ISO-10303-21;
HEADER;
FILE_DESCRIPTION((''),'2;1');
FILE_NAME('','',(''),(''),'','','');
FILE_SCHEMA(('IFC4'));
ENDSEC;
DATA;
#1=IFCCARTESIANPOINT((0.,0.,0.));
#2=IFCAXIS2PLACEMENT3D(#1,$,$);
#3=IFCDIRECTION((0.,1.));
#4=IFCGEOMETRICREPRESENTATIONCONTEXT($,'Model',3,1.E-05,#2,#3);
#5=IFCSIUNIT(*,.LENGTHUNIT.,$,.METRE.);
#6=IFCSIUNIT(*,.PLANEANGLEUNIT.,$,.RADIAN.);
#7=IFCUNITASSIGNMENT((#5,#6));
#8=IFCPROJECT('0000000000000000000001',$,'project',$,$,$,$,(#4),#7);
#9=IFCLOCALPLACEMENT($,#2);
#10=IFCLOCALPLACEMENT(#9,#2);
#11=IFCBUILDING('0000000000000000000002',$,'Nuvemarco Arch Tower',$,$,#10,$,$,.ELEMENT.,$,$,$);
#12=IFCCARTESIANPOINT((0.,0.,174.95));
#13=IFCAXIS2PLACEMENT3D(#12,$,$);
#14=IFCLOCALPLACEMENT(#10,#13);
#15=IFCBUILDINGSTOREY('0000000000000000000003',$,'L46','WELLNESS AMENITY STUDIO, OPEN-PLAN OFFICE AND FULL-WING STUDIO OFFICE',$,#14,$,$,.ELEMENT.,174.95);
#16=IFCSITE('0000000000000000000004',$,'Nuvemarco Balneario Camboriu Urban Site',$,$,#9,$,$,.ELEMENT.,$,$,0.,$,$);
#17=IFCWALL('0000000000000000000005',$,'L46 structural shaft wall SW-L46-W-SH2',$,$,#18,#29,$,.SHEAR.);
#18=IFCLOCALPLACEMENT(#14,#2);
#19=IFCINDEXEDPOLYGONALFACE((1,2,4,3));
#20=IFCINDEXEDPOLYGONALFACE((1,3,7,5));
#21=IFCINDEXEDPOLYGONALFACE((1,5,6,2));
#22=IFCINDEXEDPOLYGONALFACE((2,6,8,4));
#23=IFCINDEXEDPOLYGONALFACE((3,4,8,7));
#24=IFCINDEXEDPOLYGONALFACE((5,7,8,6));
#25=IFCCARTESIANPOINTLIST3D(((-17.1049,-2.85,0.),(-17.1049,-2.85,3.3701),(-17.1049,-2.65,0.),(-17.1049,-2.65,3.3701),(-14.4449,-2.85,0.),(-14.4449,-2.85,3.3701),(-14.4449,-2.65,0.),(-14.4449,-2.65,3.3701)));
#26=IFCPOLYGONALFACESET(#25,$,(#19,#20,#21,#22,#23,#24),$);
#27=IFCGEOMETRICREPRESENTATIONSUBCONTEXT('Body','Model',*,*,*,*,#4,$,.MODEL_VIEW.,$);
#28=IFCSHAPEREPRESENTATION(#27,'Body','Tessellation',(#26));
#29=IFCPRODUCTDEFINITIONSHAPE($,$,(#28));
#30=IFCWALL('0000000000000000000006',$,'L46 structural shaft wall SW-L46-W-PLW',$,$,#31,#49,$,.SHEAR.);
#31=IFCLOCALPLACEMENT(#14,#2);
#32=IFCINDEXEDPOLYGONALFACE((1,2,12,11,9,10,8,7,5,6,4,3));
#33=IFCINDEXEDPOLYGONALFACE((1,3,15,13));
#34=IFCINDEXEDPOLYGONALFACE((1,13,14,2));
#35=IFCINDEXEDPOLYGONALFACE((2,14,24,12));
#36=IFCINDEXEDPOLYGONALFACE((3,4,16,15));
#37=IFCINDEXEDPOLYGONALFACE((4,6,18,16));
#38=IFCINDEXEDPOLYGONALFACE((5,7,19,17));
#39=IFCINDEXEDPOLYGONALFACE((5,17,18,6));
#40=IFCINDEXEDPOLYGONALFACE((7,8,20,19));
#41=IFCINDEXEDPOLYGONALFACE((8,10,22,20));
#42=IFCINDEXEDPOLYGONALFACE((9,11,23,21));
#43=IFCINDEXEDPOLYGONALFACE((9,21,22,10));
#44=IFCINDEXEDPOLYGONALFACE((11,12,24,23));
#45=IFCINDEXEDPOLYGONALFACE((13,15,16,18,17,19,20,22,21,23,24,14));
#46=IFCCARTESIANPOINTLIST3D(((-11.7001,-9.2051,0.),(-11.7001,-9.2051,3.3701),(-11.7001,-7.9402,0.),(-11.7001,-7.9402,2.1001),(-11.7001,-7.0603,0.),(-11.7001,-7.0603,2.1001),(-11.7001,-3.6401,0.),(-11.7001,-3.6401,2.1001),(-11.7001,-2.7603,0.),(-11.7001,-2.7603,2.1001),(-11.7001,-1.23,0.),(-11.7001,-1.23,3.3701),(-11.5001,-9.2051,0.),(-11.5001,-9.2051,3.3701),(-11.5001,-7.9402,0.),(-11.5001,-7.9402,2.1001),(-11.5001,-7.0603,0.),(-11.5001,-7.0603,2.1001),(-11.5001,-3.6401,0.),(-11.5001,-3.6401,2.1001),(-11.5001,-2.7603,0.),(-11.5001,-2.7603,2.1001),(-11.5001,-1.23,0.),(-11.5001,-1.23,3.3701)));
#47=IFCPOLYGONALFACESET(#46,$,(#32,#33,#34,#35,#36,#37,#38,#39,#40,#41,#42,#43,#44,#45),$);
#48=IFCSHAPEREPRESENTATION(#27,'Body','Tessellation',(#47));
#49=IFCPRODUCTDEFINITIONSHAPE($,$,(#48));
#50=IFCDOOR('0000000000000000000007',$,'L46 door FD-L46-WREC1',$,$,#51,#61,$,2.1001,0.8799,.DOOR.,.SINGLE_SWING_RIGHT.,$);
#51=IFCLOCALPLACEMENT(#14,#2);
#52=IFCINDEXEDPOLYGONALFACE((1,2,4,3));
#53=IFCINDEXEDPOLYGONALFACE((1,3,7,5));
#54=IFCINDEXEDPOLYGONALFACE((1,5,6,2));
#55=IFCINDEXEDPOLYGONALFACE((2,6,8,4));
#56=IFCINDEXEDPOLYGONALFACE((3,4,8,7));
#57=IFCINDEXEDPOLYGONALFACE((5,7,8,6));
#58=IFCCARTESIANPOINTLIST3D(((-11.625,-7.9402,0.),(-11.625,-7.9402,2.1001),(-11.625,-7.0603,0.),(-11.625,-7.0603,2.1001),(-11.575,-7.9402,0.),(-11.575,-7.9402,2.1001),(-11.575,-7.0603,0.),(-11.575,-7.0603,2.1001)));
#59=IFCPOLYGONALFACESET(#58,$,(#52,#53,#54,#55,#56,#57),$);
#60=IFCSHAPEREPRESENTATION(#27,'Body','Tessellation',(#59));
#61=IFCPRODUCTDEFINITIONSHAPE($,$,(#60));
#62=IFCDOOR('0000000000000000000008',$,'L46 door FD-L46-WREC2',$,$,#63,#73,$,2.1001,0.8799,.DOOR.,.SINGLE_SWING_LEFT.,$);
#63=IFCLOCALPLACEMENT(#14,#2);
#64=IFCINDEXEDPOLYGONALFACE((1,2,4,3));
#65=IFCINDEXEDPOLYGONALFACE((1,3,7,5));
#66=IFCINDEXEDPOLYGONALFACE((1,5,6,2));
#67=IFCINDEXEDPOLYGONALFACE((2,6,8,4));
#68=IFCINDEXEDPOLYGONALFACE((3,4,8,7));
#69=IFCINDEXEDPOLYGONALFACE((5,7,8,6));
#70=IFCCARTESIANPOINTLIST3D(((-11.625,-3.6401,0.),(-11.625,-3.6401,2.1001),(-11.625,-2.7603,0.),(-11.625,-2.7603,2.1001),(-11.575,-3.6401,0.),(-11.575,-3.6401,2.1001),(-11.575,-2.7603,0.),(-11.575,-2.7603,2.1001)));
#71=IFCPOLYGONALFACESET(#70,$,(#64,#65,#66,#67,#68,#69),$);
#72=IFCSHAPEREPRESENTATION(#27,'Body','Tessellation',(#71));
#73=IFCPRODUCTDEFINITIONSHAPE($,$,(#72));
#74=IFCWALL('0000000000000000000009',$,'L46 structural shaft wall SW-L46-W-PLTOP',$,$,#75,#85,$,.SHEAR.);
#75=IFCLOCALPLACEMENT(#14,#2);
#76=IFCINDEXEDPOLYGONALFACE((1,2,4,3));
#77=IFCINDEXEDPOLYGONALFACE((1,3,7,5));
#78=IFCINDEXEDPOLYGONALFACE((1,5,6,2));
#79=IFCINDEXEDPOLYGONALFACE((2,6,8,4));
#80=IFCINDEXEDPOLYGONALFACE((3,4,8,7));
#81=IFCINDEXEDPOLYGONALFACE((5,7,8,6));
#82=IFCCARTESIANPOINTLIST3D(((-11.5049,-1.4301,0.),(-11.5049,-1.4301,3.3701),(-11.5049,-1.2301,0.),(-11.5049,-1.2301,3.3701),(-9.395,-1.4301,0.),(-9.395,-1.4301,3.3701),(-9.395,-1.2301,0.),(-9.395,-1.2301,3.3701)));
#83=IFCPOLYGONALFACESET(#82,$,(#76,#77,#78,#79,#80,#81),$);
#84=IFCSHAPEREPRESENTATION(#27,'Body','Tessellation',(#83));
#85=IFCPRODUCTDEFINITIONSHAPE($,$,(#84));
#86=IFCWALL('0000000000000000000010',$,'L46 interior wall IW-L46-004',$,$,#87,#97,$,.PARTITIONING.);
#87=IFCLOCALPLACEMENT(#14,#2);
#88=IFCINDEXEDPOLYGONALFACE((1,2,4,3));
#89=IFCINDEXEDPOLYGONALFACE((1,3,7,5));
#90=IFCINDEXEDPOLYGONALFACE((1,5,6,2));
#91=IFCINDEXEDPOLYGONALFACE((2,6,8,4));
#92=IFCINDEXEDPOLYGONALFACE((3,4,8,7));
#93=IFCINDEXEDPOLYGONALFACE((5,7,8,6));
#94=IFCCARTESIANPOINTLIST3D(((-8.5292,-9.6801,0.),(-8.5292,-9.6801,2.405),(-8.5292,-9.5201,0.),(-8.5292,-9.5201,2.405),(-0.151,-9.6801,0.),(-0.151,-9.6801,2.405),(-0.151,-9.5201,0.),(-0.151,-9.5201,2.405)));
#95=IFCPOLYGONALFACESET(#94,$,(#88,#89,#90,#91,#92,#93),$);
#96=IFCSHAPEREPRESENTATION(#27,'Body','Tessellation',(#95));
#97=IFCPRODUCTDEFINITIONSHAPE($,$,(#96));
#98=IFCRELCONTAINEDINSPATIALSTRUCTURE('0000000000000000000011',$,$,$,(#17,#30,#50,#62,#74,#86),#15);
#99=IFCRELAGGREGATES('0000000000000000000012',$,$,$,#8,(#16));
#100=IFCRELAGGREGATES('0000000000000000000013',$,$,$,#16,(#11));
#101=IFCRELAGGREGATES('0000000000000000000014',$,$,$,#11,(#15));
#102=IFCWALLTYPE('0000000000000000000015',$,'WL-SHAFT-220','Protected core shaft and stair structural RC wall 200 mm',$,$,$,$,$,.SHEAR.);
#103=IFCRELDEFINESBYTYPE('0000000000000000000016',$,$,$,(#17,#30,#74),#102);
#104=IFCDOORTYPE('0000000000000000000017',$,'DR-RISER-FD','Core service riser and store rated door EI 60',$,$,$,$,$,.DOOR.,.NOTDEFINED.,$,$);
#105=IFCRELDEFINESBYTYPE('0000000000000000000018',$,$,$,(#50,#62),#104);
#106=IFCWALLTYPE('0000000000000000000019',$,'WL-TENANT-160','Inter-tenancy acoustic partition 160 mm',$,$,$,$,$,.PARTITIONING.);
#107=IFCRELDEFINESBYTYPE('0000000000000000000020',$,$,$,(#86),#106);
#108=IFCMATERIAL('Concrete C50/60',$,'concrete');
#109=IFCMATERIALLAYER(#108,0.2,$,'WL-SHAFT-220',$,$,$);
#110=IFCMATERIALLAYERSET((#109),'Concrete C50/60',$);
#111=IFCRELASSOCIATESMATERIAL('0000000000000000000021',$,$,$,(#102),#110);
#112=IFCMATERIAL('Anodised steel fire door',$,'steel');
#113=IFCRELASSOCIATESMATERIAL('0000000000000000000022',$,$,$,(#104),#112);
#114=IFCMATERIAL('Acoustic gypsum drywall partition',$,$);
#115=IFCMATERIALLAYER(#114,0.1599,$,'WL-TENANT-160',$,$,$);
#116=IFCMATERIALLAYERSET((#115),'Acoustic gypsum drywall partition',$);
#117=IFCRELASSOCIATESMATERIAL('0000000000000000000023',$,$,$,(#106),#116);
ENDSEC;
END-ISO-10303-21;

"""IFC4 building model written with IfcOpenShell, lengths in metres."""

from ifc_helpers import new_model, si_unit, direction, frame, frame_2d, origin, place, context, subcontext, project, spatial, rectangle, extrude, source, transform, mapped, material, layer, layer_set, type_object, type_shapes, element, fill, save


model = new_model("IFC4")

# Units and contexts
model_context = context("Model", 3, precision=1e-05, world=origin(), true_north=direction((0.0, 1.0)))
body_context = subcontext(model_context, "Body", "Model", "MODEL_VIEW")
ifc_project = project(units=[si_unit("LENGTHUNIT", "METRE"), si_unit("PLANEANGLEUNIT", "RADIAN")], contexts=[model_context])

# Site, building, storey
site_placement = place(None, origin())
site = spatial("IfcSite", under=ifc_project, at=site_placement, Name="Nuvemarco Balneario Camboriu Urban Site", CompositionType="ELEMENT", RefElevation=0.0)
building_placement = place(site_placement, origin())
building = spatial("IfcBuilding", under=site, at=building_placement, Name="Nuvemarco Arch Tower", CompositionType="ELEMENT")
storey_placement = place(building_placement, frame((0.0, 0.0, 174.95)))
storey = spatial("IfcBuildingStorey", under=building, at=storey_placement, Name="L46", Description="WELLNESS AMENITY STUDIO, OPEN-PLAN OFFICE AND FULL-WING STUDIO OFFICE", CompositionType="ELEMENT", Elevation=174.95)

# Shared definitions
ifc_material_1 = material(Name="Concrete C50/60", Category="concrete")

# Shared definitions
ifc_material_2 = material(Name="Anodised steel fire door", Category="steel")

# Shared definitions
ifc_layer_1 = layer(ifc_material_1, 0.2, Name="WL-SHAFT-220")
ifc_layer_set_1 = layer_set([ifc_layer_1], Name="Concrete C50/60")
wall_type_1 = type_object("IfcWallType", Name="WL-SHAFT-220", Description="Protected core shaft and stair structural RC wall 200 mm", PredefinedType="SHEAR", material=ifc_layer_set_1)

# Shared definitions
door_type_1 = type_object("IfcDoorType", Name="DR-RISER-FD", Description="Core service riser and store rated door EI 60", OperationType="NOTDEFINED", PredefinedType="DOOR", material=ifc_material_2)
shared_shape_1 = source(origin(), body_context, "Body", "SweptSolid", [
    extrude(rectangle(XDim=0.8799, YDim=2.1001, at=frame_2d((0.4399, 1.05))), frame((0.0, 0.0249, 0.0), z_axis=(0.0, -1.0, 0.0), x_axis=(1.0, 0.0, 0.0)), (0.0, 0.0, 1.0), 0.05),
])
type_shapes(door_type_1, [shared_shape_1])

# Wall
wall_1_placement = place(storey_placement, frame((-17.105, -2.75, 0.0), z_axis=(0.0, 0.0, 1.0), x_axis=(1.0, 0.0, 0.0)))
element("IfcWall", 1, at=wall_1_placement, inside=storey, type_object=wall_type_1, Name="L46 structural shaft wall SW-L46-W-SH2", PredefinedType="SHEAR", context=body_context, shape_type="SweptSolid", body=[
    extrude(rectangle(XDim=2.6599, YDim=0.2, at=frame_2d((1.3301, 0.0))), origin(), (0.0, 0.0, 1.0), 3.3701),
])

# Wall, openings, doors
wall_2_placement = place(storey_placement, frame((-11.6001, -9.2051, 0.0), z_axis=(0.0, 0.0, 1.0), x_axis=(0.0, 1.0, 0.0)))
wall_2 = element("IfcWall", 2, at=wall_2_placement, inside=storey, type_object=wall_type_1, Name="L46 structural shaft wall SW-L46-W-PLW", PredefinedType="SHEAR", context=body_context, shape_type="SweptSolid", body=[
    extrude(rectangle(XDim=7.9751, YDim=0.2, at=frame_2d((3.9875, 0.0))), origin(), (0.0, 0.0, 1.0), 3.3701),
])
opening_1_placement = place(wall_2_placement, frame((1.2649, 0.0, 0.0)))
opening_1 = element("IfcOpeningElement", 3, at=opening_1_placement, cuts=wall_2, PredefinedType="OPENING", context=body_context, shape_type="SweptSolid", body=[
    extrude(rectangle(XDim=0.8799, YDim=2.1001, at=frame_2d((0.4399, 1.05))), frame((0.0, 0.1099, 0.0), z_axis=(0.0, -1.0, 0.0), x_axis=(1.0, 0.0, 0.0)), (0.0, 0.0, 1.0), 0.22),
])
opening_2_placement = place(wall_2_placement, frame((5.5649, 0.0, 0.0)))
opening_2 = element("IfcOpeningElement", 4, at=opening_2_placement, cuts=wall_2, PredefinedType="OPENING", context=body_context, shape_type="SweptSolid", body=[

### Task directions
Scan the data above for the string "drywall" and copy each line where it appears.

### Task answer
#114=IFCMATERIAL('Acoustic gypsum drywall partition',$,$);
#116=IFCMATERIALLAYERSET((#115),'Acoustic gypsum drywall partition',$);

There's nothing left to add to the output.